Work request -
Output verbatim the line with "#184=IFCSHAPEREPRESENTATION(#35,'Body','Tessellation',(#183));" together with every line beneath it, ending at the last line of the entries.

Stored data entries -
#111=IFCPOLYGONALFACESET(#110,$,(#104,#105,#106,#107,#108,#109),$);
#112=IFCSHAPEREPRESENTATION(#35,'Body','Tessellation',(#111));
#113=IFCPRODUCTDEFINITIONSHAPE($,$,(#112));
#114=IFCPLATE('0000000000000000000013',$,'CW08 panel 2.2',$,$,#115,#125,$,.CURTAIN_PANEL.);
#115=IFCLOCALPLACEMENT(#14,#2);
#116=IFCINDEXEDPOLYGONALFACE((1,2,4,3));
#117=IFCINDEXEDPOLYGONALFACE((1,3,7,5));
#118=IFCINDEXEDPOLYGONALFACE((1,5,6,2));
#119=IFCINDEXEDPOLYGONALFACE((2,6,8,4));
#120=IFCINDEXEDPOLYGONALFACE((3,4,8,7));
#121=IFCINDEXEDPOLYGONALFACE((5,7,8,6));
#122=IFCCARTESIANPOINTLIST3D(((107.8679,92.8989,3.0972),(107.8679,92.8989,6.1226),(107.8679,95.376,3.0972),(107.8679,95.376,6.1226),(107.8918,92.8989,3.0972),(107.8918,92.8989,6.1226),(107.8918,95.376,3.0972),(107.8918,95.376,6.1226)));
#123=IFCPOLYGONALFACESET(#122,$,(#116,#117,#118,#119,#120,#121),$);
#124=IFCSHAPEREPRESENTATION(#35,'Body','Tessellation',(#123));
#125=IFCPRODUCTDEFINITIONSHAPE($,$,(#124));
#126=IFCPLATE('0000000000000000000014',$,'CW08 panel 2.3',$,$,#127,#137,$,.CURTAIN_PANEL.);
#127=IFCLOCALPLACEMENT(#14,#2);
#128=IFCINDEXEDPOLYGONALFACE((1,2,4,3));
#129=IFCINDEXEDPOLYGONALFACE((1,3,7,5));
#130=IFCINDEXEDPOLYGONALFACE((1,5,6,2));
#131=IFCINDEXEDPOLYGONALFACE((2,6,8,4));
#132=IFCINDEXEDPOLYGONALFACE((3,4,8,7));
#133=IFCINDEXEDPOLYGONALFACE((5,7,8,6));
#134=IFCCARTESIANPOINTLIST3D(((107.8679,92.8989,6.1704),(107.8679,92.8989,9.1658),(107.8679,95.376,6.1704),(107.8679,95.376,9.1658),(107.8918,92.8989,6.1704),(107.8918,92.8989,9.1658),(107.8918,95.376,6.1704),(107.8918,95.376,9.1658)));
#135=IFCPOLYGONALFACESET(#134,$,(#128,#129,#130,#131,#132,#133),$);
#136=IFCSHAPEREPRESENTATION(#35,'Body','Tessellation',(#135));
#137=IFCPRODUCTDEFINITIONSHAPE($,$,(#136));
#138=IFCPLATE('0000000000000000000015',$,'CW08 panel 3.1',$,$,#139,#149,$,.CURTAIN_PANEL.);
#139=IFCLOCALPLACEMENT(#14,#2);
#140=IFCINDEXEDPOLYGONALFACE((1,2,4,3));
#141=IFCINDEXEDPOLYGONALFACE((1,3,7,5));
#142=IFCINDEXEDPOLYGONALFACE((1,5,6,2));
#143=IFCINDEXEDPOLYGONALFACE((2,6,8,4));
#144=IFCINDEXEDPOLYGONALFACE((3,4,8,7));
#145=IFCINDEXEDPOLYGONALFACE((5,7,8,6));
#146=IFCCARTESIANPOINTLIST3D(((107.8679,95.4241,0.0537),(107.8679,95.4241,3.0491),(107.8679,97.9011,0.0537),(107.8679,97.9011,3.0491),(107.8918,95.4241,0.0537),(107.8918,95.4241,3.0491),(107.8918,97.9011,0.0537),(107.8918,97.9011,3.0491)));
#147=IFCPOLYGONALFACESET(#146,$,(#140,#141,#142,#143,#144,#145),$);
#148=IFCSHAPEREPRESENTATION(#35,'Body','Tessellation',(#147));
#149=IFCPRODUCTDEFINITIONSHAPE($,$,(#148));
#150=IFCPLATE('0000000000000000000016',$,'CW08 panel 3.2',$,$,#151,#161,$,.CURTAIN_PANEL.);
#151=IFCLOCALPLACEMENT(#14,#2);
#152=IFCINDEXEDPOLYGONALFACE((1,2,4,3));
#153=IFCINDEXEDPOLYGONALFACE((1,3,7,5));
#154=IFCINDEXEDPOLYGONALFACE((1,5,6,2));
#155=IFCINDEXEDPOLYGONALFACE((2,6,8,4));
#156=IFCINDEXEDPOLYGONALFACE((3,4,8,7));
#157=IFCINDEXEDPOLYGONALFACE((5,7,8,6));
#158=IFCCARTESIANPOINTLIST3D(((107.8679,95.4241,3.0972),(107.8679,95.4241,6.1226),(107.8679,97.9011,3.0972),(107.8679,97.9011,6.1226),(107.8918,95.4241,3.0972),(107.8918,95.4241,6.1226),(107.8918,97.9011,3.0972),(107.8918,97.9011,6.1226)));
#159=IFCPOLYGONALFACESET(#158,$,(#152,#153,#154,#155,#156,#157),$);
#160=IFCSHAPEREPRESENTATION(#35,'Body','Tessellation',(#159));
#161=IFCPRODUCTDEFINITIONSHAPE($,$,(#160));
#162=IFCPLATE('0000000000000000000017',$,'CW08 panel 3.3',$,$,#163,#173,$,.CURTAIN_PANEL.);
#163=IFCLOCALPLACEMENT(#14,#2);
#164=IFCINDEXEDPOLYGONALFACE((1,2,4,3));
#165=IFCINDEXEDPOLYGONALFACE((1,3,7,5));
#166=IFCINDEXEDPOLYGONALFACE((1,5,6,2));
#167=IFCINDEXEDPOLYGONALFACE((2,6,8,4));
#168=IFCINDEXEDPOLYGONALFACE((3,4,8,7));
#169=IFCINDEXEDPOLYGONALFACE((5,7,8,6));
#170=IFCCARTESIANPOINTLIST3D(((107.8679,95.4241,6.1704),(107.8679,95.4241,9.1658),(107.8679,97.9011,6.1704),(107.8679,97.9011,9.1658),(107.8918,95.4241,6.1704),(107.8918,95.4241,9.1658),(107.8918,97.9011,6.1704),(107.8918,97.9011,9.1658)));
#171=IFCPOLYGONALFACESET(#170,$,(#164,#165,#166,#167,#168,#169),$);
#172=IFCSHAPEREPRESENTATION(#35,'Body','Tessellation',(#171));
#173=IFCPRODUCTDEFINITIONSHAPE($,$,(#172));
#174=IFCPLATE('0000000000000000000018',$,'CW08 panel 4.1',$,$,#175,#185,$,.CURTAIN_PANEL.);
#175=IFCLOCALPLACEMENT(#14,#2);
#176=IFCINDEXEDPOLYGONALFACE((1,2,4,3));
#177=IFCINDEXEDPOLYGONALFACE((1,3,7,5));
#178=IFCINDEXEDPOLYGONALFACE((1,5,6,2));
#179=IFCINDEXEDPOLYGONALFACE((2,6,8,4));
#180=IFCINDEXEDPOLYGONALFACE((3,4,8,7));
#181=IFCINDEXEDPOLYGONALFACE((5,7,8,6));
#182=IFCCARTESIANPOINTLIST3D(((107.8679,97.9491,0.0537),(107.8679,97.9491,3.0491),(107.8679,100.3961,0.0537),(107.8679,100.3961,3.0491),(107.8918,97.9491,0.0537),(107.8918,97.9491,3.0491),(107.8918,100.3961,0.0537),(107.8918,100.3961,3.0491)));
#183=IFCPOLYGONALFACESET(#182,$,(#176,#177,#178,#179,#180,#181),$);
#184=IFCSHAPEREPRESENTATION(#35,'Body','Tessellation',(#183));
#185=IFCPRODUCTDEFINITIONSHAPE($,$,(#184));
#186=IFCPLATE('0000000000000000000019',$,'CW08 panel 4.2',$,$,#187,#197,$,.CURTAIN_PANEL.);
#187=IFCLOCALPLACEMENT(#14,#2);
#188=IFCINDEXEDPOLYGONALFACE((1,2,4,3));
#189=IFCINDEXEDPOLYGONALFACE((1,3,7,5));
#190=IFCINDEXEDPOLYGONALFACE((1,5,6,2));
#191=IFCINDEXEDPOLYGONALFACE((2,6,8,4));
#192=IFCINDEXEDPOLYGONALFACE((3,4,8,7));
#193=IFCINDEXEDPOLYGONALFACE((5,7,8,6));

Reply -
#184=IFCSHAPEREPRESENTATION(#35,'Body','Tessellation',(#183));
#185=IFCPRODUCTDEFINITIONSHAPE($,$,(#184));
#186=IFCPLATE('0000000000000000000019',$,'CW08 panel 4.2',$,$,#187,#197,$,.CURTAIN_PANEL.);
#187=IFCLOCALPLACEMENT(#14,#2);
#188=IFCINDEXEDPOLYGONALFACE((1,2,4,3));
#189=IFCINDEXEDPOLYGONALFACE((1,3,7,5));
#190=IFCINDEXEDPOLYGONALFACE((1,5,6,2));
#191=IFCINDEXEDPOLYGONALFACE((2,6,8,4));
#192=IFCINDEXEDPOLYGONALFACE((3,4,8,7));
#193=IFCINDEXEDPOLYGONALFACE((5,7,8,6));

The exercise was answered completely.